■ YOUR GOAL
In the listing beneath this line, copy exactly the lines starting with the one containing "#32=IFCINDEXEDPOLYGONALFACE((19,23,24,20));" and going on through the one containing "#52=IFCINDEXEDPOLYGONALFACE((59,63,64,60));".

§ §

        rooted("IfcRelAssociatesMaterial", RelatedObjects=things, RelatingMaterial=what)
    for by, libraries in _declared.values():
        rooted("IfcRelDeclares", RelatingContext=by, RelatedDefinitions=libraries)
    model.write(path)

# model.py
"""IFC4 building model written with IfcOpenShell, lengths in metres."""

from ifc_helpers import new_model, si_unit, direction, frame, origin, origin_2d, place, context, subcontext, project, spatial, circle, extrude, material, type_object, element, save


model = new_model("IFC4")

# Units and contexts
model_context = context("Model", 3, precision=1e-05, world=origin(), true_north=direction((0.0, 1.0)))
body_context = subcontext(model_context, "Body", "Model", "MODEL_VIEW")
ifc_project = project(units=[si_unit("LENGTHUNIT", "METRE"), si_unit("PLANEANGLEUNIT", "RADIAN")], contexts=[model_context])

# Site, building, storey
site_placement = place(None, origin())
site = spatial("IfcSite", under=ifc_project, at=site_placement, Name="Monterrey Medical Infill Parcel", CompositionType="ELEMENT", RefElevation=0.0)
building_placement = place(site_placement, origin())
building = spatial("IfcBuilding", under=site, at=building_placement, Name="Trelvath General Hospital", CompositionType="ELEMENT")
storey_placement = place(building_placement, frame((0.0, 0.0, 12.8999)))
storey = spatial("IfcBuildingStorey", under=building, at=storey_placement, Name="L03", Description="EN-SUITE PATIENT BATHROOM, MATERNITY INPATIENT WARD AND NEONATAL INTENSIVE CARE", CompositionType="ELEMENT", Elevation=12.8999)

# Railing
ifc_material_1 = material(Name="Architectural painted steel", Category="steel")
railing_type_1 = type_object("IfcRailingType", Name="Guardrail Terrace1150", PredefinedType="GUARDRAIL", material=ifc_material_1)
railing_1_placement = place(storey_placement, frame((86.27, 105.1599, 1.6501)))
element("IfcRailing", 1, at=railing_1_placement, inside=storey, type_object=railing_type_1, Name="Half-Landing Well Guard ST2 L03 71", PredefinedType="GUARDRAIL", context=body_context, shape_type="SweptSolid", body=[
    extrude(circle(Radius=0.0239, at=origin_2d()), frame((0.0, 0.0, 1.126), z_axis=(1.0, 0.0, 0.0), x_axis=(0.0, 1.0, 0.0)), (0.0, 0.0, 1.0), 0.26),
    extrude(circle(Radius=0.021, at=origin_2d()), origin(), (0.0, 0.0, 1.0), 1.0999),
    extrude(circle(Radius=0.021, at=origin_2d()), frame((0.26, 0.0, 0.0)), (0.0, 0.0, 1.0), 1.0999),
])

§ §

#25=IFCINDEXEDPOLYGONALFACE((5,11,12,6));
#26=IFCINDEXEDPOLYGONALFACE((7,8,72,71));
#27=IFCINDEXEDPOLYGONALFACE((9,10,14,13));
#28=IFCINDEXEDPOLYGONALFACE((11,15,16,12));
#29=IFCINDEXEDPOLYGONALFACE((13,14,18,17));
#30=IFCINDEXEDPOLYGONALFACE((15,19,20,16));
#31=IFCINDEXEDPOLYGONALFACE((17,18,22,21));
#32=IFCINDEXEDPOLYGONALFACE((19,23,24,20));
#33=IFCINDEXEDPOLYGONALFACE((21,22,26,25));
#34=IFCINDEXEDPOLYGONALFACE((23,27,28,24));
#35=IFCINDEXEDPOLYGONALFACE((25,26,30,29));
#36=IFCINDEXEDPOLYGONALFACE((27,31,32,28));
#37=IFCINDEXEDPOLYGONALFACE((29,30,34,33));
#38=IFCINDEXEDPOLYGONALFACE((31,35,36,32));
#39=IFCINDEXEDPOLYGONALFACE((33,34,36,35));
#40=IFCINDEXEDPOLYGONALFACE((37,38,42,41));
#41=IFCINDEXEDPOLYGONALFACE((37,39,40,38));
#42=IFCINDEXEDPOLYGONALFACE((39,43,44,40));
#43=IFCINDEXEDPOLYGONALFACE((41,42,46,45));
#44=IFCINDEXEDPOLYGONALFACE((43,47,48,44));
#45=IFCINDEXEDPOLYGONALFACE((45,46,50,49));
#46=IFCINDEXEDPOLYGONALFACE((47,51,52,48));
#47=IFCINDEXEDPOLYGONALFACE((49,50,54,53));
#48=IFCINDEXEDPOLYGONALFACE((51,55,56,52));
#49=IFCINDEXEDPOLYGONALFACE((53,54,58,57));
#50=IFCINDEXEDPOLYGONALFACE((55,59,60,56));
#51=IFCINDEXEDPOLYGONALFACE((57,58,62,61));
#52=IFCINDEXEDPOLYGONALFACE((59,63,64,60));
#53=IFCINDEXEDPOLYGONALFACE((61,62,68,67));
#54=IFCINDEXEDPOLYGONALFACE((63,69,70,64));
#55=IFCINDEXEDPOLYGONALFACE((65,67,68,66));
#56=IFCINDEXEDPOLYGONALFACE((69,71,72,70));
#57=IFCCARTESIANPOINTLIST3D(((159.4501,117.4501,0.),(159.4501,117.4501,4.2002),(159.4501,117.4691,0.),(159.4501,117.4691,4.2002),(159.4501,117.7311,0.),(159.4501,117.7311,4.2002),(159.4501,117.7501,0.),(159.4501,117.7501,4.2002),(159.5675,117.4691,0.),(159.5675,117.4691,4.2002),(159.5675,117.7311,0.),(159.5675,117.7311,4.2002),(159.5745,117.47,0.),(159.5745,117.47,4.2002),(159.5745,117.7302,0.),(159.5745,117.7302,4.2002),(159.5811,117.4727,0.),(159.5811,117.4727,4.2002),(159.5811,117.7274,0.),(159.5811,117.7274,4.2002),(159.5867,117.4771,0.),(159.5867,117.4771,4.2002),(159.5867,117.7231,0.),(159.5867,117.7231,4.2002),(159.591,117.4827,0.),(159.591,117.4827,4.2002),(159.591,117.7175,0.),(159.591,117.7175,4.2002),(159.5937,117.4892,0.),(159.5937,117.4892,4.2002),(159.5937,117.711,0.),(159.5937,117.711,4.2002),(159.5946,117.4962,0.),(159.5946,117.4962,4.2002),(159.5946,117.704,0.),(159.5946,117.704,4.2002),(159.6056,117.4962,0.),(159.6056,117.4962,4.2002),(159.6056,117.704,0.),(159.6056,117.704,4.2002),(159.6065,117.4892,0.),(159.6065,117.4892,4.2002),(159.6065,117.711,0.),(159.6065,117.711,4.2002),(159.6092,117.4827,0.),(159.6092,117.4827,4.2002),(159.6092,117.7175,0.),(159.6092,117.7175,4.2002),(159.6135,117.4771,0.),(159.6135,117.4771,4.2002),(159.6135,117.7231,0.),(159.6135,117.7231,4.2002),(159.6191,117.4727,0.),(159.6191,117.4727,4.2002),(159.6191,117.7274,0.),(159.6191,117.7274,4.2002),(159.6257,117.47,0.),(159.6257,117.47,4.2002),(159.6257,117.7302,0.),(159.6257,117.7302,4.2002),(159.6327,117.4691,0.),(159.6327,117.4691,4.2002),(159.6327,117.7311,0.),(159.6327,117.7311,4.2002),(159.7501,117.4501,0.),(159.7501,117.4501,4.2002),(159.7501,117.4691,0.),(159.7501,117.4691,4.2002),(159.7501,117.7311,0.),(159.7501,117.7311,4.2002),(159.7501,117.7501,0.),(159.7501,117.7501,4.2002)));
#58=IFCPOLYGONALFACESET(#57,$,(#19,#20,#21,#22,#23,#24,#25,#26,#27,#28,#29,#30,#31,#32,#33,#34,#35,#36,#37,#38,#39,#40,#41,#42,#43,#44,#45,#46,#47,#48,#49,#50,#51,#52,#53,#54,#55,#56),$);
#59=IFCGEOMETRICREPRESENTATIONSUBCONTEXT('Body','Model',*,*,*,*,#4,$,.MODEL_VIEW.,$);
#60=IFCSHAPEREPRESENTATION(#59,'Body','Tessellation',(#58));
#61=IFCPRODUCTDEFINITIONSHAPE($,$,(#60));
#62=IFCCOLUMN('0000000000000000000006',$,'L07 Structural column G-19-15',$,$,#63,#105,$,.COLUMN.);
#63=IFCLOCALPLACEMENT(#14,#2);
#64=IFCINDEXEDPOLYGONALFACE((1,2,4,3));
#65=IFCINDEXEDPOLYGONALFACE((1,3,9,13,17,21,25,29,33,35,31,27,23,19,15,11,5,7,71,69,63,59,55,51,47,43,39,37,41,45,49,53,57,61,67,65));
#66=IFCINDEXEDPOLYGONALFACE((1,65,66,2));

§ §

■ SOLUTION TO THIS TASK
#32=IFCINDEXEDPOLYGONALFACE((19,23,24,20));
#33=IFCINDEXEDPOLYGONALFACE((21,22,26,25));
#34=IFCINDEXEDPOLYGONALFACE((23,27,28,24));
#35=IFCINDEXEDPOLYGONALFACE((25,26,30,29));
#36=IFCINDEXEDPOLYGONALFACE((27,31,32,28));
#37=IFCINDEXEDPOLYGONALFACE((29,30,34,33));
#38=IFCINDEXEDPOLYGONALFACE((31,35,36,32));
#39=IFCINDEXEDPOLYGONALFACE((33,34,36,35));
#40=IFCINDEXEDPOLYGONALFACE((37,38,42,41));
#41=IFCINDEXEDPOLYGONALFACE((37,39,40,38));
#42=IFCINDEXEDPOLYGONALFACE((39,43,44,40));
#43=IFCINDEXEDPOLYGONALFACE((41,42,46,45));
#44=IFCINDEXEDPOLYGONALFACE((43,47,48,44));
#45=IFCINDEXEDPOLYGONALFACE((45,46,50,49));
#46=IFCINDEXEDPOLYGONALFACE((47,51,52,48));
#47=IFCINDEXEDPOLYGONALFACE((49,50,54,53));
#48=IFCINDEXEDPOLYGONALFACE((51,55,56,52));
#49=IFCINDEXEDPOLYGONALFACE((53,54,58,57));
#50=IFCINDEXEDPOLYGONALFACE((55,59,60,56));
#51=IFCINDEXEDPOLYGONALFACE((57,58,62,61));
#52=IFCINDEXEDPOLYGONALFACE((59,63,64,60));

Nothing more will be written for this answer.